→ **Activity**
Pick out all lines in the listing holding the string "USERDEFINED" and copy them.

[Opening Data extracts section]

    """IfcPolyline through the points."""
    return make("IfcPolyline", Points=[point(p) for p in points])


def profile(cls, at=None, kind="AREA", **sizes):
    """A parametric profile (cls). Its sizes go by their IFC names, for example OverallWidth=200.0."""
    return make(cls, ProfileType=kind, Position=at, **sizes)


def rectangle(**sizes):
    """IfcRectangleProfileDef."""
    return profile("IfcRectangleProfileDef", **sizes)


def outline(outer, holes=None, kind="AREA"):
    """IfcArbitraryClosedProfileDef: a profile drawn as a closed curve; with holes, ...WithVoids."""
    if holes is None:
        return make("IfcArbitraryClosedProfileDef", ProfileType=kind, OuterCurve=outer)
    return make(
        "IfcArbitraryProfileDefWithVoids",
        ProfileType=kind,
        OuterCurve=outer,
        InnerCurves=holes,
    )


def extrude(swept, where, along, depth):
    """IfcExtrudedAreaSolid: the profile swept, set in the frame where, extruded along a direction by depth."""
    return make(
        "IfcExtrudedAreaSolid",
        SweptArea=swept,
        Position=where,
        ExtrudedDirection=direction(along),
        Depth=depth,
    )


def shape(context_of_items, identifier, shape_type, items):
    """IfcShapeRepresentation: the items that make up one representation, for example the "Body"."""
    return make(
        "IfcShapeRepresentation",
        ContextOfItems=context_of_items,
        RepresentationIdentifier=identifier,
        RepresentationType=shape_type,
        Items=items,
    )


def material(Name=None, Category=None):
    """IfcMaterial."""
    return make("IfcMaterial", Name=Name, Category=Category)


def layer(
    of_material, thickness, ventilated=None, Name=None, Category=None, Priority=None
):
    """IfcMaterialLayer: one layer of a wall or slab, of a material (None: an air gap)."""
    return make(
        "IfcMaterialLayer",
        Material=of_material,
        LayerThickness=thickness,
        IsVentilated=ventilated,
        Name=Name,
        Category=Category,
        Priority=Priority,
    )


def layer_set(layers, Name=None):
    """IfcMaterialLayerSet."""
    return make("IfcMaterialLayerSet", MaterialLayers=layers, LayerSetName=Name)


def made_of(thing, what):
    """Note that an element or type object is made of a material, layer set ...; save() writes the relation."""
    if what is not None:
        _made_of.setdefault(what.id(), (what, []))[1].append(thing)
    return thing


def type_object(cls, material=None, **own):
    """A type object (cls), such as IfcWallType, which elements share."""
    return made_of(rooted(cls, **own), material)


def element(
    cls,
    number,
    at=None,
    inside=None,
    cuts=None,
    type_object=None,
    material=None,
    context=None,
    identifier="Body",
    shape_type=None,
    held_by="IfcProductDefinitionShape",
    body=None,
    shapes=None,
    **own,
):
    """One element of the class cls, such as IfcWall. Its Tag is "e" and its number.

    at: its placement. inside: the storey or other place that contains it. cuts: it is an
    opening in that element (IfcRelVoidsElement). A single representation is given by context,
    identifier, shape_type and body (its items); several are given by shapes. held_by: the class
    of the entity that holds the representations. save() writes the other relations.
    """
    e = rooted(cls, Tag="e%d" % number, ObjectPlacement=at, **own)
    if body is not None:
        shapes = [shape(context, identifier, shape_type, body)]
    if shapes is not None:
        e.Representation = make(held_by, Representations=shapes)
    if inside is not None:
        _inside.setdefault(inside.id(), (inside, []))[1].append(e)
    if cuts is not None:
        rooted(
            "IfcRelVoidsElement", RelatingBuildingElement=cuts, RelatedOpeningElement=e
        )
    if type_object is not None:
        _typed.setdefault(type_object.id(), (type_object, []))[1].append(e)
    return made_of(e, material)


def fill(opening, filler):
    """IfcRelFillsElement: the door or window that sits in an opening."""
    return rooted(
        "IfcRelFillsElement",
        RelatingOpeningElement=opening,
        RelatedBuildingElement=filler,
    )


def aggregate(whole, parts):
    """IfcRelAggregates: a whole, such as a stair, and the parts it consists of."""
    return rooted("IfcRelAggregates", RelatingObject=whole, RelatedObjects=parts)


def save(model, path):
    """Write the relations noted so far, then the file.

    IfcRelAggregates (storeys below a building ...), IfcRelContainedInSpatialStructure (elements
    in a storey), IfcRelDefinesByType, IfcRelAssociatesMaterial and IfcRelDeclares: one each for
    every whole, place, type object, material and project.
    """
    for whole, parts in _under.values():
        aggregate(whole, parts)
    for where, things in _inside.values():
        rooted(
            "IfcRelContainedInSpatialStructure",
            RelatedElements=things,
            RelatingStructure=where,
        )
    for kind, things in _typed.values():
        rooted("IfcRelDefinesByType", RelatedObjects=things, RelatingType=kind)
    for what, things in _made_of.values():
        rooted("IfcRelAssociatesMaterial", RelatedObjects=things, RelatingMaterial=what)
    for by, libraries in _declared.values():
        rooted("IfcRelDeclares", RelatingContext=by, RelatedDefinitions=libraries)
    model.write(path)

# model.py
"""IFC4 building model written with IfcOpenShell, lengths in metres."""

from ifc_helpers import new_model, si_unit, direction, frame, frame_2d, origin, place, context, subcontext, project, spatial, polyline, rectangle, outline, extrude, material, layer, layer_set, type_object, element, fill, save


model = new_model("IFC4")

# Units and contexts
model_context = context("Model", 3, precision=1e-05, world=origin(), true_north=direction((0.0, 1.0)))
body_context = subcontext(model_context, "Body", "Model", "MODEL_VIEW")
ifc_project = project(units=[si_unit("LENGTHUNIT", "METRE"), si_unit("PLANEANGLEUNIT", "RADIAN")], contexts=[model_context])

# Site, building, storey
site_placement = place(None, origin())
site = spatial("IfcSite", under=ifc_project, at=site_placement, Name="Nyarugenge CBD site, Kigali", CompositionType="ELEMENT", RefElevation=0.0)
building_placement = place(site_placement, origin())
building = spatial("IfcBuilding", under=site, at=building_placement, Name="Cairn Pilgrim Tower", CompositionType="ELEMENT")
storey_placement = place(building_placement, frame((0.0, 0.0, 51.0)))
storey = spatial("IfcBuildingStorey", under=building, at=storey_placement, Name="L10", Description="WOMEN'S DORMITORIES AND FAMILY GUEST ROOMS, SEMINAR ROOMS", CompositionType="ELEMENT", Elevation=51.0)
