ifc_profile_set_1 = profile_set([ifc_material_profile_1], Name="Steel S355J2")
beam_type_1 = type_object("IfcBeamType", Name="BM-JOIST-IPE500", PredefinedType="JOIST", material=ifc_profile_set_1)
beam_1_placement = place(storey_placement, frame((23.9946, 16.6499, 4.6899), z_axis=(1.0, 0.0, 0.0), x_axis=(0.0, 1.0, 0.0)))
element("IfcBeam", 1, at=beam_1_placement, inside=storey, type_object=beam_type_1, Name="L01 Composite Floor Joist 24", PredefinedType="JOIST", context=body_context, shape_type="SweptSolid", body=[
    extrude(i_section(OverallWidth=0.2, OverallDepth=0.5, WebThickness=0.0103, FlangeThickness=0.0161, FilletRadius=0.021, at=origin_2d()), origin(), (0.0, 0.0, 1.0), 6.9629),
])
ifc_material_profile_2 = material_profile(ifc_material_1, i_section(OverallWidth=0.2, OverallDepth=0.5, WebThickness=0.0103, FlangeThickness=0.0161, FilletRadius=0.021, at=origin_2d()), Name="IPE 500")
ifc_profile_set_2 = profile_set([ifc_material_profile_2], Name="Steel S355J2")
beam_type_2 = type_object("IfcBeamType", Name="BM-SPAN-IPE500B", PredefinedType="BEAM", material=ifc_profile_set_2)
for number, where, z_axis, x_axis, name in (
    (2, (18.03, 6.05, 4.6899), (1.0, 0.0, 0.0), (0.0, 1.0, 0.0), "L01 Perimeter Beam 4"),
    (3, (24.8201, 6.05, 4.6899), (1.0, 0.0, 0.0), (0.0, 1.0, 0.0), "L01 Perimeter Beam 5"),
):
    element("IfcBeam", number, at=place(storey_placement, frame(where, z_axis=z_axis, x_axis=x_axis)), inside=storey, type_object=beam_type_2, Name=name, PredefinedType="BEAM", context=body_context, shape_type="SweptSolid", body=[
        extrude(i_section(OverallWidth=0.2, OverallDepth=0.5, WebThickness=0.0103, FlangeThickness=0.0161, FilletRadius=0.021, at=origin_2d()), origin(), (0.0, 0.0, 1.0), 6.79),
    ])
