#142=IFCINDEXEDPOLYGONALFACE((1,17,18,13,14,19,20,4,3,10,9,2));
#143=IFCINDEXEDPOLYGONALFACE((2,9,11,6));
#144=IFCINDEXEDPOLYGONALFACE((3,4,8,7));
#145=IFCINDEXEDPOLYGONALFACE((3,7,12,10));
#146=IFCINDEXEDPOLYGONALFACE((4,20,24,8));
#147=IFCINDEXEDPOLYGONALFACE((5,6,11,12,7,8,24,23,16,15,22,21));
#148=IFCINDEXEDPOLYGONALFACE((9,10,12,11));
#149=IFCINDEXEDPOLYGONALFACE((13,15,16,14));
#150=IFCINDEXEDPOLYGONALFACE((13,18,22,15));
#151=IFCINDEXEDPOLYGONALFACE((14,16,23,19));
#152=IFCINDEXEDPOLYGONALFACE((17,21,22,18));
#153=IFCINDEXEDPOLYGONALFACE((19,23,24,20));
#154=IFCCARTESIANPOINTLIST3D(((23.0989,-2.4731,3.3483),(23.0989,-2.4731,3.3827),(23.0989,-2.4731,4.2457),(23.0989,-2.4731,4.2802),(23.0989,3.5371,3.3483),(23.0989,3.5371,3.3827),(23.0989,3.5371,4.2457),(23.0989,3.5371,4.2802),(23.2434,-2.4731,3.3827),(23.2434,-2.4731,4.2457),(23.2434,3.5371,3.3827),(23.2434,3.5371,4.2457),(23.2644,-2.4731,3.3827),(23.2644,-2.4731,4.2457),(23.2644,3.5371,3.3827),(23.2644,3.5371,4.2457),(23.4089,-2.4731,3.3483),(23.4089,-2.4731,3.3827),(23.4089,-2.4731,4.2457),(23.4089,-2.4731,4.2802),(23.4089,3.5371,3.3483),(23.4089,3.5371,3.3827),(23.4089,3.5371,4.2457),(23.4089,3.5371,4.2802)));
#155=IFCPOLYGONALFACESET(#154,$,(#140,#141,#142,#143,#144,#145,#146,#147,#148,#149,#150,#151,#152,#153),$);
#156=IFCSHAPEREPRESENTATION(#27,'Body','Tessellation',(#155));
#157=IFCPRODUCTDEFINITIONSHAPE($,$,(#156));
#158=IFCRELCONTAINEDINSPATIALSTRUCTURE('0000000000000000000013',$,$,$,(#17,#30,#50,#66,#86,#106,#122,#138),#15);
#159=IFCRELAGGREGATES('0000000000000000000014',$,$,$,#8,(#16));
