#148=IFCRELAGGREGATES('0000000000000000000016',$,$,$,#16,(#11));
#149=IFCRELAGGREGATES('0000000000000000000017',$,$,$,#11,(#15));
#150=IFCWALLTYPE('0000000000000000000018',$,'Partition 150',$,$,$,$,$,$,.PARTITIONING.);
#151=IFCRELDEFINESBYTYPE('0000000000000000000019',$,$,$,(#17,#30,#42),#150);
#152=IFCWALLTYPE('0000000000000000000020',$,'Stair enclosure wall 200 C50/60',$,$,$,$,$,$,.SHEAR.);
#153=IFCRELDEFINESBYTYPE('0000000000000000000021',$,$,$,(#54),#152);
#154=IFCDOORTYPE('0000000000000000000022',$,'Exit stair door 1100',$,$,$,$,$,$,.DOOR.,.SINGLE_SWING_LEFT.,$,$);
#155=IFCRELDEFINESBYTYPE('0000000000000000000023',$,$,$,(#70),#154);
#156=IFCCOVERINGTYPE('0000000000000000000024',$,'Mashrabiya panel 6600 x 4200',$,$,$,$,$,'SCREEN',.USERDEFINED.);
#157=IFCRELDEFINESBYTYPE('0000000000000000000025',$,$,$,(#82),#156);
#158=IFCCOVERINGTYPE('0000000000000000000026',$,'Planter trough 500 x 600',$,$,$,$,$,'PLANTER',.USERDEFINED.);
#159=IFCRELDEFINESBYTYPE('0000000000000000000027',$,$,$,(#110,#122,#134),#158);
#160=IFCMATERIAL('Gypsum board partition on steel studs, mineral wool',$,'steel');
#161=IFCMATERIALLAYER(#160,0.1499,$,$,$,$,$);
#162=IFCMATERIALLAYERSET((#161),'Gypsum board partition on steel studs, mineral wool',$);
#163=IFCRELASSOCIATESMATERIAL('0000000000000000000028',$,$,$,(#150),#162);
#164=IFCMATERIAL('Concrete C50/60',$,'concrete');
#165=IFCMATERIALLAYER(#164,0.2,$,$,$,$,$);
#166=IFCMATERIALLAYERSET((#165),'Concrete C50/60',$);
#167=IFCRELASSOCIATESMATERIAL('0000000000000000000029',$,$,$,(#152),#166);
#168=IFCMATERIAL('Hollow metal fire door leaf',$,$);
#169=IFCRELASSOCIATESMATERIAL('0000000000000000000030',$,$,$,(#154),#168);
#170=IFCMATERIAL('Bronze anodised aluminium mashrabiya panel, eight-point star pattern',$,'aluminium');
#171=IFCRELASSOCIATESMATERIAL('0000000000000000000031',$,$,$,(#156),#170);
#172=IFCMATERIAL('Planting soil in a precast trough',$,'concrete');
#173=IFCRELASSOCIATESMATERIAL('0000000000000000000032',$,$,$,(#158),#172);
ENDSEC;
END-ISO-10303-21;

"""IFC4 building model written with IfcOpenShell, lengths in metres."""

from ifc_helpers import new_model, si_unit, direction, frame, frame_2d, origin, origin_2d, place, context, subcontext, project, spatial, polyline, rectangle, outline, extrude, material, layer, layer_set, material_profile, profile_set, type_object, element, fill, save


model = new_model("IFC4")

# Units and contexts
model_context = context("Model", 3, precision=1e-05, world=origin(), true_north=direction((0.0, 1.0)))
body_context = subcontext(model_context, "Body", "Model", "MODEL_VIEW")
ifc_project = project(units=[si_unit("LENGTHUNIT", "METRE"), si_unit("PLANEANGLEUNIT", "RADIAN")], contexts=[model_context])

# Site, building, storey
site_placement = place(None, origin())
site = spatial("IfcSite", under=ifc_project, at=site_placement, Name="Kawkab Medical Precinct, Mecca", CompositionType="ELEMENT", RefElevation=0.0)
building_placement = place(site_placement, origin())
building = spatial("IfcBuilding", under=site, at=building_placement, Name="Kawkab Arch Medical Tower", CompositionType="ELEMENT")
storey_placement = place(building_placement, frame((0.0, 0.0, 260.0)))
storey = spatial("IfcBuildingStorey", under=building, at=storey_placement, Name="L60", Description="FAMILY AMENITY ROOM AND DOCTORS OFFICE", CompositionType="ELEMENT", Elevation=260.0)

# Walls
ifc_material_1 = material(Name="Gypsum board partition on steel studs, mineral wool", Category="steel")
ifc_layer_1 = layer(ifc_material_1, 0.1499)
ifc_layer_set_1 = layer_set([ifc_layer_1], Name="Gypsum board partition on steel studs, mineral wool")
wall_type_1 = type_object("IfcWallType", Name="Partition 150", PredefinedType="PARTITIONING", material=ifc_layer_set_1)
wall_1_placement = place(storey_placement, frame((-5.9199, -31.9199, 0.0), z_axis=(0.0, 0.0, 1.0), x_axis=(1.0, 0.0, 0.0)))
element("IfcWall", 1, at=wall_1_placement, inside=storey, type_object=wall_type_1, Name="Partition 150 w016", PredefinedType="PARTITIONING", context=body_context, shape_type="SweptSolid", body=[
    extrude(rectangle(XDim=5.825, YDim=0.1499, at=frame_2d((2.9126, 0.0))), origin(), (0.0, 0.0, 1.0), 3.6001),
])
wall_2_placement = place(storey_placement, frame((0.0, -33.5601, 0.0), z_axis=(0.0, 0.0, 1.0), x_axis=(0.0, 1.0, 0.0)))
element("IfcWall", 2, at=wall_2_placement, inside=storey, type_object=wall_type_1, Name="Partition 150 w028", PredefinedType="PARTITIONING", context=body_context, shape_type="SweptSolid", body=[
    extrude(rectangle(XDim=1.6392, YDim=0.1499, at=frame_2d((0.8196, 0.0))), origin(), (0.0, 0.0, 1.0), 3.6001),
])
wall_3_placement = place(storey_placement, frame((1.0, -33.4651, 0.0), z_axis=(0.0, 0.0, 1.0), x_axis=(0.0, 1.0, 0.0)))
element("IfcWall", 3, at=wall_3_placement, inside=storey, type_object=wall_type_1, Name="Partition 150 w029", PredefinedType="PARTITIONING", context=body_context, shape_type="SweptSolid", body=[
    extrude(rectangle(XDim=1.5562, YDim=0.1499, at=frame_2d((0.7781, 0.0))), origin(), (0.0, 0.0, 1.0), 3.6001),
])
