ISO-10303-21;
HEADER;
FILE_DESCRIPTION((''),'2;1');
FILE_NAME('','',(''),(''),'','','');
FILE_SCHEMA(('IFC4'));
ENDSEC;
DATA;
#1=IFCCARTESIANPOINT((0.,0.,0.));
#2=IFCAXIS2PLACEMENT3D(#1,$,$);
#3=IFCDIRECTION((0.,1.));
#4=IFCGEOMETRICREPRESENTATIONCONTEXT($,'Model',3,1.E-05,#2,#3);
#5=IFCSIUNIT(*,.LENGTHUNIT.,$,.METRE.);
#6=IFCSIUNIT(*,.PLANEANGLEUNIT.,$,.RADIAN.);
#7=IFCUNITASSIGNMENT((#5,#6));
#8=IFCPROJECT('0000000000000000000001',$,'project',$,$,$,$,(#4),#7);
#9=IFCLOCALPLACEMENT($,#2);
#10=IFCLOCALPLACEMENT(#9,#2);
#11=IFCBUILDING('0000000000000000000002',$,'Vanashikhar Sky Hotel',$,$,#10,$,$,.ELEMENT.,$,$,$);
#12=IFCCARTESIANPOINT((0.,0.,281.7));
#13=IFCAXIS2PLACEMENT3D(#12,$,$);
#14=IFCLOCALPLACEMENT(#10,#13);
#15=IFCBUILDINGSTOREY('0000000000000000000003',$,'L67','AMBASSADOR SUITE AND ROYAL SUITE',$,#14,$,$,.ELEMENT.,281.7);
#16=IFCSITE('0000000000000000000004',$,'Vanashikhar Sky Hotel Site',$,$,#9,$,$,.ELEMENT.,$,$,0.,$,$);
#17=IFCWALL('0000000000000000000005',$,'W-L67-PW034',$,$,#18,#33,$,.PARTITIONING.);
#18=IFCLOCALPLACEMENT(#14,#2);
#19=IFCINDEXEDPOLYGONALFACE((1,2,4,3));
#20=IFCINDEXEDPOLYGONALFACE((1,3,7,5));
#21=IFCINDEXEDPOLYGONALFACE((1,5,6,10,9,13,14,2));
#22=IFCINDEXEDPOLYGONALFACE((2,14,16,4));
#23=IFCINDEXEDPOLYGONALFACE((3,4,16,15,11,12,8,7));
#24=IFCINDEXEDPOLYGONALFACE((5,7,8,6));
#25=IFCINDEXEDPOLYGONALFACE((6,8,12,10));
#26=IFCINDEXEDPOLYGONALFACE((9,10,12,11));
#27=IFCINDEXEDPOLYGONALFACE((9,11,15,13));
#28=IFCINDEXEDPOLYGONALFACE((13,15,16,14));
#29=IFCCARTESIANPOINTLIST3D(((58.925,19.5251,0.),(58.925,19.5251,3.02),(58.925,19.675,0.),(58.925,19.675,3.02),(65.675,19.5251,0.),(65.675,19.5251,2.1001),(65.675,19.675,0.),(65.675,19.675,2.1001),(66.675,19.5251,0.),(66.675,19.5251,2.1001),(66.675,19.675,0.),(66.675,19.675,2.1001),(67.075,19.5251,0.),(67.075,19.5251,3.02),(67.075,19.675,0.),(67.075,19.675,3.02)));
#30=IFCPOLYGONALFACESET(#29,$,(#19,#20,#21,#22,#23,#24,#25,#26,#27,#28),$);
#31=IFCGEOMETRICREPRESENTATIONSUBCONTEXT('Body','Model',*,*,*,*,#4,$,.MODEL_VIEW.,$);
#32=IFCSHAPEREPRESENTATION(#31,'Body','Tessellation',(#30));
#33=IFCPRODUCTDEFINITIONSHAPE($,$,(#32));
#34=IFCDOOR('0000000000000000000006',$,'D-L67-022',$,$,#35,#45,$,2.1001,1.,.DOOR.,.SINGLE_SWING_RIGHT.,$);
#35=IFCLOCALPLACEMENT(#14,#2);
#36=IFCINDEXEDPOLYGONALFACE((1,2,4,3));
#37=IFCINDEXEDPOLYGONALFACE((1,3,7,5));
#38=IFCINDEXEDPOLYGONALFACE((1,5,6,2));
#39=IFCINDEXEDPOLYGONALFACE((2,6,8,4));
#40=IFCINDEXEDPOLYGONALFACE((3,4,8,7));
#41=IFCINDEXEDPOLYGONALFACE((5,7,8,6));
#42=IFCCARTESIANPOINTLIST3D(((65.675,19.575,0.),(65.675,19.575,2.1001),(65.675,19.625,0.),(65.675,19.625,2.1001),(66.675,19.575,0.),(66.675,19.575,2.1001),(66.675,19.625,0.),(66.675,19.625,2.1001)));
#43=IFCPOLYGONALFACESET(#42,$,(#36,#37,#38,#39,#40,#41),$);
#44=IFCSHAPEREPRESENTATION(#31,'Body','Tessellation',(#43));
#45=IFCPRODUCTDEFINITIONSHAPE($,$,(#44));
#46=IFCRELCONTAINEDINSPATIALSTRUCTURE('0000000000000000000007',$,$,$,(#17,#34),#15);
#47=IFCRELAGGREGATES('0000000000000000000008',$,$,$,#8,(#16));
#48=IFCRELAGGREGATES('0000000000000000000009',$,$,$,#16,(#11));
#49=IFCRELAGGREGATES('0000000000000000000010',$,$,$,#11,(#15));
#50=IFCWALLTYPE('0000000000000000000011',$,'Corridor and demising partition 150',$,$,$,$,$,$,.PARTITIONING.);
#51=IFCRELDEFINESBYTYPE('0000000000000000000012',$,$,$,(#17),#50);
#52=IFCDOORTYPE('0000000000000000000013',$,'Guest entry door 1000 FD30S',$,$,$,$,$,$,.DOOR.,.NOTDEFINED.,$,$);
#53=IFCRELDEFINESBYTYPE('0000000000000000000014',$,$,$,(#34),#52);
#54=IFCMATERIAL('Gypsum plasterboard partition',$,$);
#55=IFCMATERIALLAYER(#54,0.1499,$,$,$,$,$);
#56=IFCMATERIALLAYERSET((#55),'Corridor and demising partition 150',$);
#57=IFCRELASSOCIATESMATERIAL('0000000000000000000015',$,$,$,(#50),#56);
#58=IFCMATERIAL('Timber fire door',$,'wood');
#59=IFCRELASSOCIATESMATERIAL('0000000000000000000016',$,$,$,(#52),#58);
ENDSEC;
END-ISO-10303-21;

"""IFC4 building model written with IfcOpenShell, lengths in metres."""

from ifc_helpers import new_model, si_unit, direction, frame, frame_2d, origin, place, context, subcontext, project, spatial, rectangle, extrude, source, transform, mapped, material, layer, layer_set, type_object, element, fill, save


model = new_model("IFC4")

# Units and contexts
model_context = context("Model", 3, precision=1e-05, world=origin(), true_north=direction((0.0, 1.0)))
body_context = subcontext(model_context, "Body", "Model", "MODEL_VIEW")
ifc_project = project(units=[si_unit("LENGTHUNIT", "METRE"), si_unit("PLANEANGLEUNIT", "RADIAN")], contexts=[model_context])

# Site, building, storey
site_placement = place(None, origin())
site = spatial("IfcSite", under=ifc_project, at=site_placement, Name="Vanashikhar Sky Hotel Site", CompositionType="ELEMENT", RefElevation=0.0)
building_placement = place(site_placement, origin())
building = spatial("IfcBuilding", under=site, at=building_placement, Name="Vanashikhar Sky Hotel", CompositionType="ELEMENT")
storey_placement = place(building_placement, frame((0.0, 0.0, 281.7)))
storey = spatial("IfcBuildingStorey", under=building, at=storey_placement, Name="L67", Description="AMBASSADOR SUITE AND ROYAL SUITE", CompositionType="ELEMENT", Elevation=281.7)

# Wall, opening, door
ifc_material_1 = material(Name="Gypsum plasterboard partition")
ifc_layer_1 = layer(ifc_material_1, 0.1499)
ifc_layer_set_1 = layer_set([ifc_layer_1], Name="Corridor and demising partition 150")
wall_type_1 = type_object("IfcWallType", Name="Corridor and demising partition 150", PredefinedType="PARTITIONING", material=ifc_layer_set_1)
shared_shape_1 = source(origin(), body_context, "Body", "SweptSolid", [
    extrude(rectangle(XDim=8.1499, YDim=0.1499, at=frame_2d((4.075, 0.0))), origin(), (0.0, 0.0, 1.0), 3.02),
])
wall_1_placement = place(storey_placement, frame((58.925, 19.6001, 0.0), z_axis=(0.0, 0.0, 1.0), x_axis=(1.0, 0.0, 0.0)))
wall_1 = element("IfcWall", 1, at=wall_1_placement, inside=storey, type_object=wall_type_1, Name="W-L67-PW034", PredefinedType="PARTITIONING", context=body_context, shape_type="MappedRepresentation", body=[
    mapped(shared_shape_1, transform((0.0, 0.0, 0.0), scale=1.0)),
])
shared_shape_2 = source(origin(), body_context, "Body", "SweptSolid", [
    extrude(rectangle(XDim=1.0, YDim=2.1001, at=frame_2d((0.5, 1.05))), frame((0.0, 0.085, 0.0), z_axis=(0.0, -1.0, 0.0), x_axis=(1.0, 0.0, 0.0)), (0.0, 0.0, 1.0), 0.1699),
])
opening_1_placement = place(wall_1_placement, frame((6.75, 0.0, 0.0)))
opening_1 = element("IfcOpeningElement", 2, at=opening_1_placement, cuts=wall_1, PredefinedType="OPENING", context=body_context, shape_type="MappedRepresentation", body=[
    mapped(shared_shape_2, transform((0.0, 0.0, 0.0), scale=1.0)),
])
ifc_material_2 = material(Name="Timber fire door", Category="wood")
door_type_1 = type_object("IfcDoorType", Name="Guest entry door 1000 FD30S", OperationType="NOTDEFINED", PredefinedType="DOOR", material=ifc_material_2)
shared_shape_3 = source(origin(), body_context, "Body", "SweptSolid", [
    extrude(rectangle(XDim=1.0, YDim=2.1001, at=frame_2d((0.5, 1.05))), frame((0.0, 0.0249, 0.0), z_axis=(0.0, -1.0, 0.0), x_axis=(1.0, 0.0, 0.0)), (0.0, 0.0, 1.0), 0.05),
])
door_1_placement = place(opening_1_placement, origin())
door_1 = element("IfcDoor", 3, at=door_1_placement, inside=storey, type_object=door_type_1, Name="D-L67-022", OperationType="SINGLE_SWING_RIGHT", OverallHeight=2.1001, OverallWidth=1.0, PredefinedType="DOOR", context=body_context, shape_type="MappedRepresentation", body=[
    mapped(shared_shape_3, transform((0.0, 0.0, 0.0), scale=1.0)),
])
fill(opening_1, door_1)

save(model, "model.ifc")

[Closing Data extracts section]
[Opening Data extracts section]

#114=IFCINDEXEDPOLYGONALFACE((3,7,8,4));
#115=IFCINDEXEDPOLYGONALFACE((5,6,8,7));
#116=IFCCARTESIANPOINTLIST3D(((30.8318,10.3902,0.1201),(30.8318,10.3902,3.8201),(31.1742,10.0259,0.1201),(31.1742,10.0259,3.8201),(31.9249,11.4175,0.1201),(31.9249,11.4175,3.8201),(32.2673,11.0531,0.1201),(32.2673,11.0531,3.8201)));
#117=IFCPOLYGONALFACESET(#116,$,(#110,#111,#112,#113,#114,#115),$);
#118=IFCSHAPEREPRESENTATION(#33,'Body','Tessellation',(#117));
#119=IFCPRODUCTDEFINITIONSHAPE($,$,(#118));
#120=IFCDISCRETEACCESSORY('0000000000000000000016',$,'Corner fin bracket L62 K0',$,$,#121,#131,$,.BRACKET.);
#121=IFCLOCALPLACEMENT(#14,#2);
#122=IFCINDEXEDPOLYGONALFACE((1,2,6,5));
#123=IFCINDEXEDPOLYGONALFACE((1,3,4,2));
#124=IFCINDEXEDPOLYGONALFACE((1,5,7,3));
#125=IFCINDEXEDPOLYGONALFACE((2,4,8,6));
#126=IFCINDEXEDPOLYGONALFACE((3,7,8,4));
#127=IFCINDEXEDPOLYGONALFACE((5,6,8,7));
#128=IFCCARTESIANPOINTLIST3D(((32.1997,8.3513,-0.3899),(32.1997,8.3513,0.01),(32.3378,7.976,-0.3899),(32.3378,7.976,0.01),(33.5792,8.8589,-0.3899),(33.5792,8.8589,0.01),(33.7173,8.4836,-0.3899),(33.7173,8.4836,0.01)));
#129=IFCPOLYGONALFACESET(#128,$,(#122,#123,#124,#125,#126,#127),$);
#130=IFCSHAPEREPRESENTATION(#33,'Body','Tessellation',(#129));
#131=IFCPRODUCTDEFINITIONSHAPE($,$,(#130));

[Closing Data extracts section]

→ **Result**
#156=IFCCOVERINGTYPE('0000000000000000000024',$,'Mashrabiya panel 6600 x 4200',$,$,$,$,$,'SCREEN',.USERDEFINED.);
#158=IFCCOVERINGTYPE('0000000000000000000026',$,'Planter trough 500 x 600',$,$,$,$,$,'PLANTER',.USERDEFINED.);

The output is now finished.